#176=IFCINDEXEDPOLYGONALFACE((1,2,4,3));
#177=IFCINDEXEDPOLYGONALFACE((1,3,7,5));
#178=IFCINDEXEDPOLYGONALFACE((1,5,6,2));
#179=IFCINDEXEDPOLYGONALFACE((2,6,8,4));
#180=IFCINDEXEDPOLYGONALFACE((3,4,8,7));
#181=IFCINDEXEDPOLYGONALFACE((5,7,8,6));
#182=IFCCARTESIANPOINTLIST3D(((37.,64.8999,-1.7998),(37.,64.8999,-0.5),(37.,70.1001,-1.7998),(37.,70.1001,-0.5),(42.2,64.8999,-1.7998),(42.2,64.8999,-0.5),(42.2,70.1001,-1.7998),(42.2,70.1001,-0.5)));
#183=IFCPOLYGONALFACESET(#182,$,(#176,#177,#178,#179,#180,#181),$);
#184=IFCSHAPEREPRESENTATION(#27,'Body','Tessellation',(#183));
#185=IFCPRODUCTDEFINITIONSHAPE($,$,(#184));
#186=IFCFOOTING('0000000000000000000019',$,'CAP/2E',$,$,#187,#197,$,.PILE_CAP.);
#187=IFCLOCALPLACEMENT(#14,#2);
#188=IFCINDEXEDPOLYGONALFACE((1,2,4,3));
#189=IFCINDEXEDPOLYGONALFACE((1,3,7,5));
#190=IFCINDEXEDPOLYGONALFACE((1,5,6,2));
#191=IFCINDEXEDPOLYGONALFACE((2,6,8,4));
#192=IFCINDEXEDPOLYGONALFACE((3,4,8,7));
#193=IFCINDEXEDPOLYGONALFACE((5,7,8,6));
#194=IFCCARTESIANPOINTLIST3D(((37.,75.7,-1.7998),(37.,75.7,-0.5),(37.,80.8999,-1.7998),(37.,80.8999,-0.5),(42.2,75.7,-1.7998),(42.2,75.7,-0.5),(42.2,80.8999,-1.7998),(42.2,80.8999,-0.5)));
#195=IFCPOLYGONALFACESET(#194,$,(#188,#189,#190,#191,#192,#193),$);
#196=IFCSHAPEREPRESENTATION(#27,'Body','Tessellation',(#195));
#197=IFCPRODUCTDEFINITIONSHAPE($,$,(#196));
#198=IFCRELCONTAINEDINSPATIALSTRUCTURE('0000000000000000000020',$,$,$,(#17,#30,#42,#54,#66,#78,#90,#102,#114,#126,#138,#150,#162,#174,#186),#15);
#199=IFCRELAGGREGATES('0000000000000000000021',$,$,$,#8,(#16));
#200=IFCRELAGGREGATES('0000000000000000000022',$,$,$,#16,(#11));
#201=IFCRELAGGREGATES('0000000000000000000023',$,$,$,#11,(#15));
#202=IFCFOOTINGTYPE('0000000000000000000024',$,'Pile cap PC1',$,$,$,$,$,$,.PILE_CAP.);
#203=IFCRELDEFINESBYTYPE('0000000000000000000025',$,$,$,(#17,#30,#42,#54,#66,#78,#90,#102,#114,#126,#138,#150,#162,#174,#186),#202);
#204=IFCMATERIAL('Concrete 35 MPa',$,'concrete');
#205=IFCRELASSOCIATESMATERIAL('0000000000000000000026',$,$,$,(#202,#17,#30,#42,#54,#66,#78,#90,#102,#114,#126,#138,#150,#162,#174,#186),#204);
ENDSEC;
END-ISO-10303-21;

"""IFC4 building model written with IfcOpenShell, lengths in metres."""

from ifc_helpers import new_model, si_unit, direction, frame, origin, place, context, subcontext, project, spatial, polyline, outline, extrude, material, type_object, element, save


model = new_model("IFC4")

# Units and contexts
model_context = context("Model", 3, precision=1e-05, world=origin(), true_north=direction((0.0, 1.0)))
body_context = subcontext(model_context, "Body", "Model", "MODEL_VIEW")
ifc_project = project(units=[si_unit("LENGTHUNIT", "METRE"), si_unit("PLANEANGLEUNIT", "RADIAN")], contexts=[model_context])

----------

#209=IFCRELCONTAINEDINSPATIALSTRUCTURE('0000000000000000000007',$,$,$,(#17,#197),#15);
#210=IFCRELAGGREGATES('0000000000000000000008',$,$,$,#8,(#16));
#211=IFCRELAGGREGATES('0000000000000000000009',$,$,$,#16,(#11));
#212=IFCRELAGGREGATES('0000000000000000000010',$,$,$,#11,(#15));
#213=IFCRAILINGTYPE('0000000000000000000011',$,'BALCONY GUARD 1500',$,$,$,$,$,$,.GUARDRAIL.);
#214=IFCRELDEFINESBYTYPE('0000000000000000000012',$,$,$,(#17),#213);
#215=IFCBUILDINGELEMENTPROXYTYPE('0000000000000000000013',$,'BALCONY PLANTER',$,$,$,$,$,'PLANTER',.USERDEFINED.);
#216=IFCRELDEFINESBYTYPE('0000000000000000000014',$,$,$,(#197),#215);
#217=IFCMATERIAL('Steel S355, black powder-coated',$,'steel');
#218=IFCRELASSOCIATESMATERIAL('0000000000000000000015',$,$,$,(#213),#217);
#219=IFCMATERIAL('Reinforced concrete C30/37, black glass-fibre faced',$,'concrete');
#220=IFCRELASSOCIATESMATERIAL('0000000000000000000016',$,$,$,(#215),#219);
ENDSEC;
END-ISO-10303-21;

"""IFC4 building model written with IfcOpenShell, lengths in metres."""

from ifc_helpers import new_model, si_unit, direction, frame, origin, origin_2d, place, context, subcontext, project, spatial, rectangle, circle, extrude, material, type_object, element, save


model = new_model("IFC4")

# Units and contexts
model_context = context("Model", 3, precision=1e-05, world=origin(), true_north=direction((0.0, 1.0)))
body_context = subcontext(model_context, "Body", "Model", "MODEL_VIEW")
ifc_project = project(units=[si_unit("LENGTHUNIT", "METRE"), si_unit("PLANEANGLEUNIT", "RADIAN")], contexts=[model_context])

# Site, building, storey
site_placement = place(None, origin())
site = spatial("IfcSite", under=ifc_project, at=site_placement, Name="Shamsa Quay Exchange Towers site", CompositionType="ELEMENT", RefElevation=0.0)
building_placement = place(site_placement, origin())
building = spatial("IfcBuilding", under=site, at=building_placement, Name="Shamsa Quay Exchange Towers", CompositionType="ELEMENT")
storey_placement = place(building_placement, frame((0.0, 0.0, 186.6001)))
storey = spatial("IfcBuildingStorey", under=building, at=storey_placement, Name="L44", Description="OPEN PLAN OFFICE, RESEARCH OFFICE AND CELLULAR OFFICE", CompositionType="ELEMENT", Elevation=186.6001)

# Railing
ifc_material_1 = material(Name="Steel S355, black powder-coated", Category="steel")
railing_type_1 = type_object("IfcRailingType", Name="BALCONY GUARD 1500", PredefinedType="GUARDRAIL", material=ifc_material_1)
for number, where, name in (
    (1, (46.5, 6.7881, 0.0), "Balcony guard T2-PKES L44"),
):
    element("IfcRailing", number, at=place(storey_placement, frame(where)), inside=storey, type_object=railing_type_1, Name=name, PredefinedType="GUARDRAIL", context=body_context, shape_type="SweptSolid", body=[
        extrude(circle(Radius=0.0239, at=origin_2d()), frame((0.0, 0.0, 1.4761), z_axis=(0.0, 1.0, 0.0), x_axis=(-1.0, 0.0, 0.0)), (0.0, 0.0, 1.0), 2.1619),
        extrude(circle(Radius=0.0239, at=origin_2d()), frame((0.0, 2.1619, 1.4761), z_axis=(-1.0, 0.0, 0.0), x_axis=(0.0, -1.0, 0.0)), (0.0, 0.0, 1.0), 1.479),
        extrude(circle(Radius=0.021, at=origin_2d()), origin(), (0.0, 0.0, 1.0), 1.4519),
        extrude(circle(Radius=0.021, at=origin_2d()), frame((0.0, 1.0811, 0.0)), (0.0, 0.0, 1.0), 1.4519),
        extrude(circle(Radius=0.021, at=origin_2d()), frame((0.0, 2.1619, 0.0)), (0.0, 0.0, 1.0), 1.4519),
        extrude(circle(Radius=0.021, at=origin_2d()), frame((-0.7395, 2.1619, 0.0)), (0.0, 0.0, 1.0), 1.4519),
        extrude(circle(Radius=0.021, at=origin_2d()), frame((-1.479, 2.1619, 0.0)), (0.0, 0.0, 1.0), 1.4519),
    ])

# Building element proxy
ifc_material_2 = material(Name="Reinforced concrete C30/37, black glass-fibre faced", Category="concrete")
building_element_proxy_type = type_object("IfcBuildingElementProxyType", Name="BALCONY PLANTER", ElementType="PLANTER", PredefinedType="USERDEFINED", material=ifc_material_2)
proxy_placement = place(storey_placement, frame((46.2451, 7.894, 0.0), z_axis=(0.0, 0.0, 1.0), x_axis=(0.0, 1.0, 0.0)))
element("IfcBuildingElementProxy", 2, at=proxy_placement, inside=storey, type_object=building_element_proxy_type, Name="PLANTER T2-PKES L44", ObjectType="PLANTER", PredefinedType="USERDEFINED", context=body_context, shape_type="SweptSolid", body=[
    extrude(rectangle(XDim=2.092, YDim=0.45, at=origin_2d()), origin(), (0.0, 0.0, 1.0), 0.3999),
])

----------

In the records above, the line with "#187=IFCLOCALPLACEMENT(#14,#2);" marks the start and the line with "#200=IFCRELAGGREGATES('0000000000000000000022',$,$,$,#16,(#11));" marks the end; copy that stretch exactly, both lines included, and nothing else.

= Task output =
#187=IFCLOCALPLACEMENT(#14,#2);
#188=IFCINDEXEDPOLYGONALFACE((1,2,4,3));
#189=IFCINDEXEDPOLYGONALFACE((1,3,7,5));
#190=IFCINDEXEDPOLYGONALFACE((1,5,6,2));
#191=IFCINDEXEDPOLYGONALFACE((2,6,8,4));
#192=IFCINDEXEDPOLYGONALFACE((3,4,8,7));
#193=IFCINDEXEDPOLYGONALFACE((5,7,8,6));
#194=IFCCARTESIANPOINTLIST3D(((37.,75.7,-1.7998),(37.,75.7,-0.5),(37.,80.8999,-1.7998),(37.,80.8999,-0.5),(42.2,75.7,-1.7998),(42.2,75.7,-0.5),(42.2,80.8999,-1.7998),(42.2,80.8999,-0.5)));
#195=IFCPOLYGONALFACESET(#194,$,(#188,#189,#190,#191,#192,#193),$);
#196=IFCSHAPEREPRESENTATION(#27,'Body','Tessellation',(#195));
#197=IFCPRODUCTDEFINITIONSHAPE($,$,(#196));
#198=IFCRELCONTAINEDINSPATIALSTRUCTURE('0000000000000000000020',$,$,$,(#17,#30,#42,#54,#66,#78,#90,#102,#114,#126,#138,#150,#162,#174,#186),#15);
#199=IFCRELAGGREGATES('0000000000000000000021',$,$,$,#8,(#16));
#200=IFCRELAGGREGATES('0000000000000000000022',$,$,$,#16,(#11));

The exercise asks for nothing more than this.